Pick every line from the data that holds the word "IFCPOLYGONALFACESET".

### EXTRACTED MATERIAL
▼▼▼
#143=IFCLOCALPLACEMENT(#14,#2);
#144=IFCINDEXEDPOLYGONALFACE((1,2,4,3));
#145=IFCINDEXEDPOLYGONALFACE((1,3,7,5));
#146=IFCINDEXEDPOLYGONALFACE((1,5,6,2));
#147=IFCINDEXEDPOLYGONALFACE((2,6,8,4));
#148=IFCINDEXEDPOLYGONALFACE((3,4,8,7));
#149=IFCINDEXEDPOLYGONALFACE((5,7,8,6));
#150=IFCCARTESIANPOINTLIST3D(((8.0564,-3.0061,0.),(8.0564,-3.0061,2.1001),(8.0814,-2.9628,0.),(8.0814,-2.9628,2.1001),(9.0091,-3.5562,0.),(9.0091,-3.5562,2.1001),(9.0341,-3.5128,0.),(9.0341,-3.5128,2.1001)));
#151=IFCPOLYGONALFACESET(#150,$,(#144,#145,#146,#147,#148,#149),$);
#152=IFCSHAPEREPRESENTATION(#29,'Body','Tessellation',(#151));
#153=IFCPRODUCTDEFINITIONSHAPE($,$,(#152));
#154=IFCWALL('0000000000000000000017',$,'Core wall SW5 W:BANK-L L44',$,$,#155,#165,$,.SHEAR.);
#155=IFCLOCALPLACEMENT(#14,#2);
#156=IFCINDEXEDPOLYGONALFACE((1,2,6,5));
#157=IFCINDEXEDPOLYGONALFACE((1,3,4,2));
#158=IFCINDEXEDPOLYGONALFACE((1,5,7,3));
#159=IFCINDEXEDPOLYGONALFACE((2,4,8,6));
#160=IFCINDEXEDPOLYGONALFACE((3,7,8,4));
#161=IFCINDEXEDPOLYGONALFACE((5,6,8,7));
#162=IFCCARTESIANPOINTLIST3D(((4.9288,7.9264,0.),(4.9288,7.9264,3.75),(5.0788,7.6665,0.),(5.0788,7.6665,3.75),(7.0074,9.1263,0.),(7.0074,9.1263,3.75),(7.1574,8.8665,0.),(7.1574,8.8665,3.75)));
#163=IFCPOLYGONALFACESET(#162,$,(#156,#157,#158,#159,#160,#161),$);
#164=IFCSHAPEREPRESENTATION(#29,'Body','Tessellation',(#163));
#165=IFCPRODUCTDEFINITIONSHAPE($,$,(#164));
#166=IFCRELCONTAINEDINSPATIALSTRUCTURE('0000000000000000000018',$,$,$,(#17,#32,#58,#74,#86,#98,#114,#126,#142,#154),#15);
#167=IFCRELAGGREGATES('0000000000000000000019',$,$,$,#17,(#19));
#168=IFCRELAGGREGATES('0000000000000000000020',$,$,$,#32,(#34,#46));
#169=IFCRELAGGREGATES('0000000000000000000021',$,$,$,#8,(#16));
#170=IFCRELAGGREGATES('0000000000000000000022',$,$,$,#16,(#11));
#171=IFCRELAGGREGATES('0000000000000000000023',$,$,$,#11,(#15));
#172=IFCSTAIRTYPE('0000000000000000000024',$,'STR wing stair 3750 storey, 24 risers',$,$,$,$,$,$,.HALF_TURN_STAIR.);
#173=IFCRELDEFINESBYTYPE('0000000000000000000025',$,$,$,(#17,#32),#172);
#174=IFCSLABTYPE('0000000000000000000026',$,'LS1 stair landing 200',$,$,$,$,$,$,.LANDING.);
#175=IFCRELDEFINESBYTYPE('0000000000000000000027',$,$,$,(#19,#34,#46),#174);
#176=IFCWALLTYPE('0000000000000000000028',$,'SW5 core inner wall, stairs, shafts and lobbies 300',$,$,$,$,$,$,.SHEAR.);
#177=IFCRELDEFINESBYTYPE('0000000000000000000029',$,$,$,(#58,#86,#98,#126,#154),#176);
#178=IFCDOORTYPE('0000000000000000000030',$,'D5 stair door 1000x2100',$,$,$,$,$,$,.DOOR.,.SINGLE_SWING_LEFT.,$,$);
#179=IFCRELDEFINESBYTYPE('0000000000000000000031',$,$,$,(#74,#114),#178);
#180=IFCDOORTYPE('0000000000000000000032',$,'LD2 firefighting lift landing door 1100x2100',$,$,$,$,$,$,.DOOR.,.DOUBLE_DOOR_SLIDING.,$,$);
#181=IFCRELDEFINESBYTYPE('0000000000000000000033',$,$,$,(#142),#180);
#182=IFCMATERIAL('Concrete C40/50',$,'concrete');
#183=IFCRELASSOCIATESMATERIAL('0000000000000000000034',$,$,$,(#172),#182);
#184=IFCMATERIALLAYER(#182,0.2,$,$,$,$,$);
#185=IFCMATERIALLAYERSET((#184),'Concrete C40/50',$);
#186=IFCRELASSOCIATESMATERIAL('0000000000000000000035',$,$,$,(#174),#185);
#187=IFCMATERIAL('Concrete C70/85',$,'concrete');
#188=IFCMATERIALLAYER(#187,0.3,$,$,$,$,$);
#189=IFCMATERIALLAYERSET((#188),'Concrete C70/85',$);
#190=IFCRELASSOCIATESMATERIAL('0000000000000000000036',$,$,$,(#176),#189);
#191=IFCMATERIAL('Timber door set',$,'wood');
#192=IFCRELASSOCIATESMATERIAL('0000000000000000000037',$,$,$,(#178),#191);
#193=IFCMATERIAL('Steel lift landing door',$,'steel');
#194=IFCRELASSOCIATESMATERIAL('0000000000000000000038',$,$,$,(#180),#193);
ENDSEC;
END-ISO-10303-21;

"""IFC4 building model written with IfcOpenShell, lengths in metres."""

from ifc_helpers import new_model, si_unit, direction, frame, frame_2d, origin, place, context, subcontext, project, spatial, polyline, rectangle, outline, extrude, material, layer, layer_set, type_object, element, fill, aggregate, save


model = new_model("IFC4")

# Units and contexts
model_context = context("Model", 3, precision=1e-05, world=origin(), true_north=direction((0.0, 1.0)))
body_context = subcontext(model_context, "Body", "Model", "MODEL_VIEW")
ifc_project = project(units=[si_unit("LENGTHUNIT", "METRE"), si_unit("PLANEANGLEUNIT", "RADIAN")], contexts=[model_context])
▲▲▲
### COMPLETED TASK
#151=IFCPOLYGONALFACESET(#150,$,(#144,#145,#146,#147,#148,#149),$);
#163=IFCPOLYGONALFACESET(#162,$,(#156,#157,#158,#159,#160,#161),$);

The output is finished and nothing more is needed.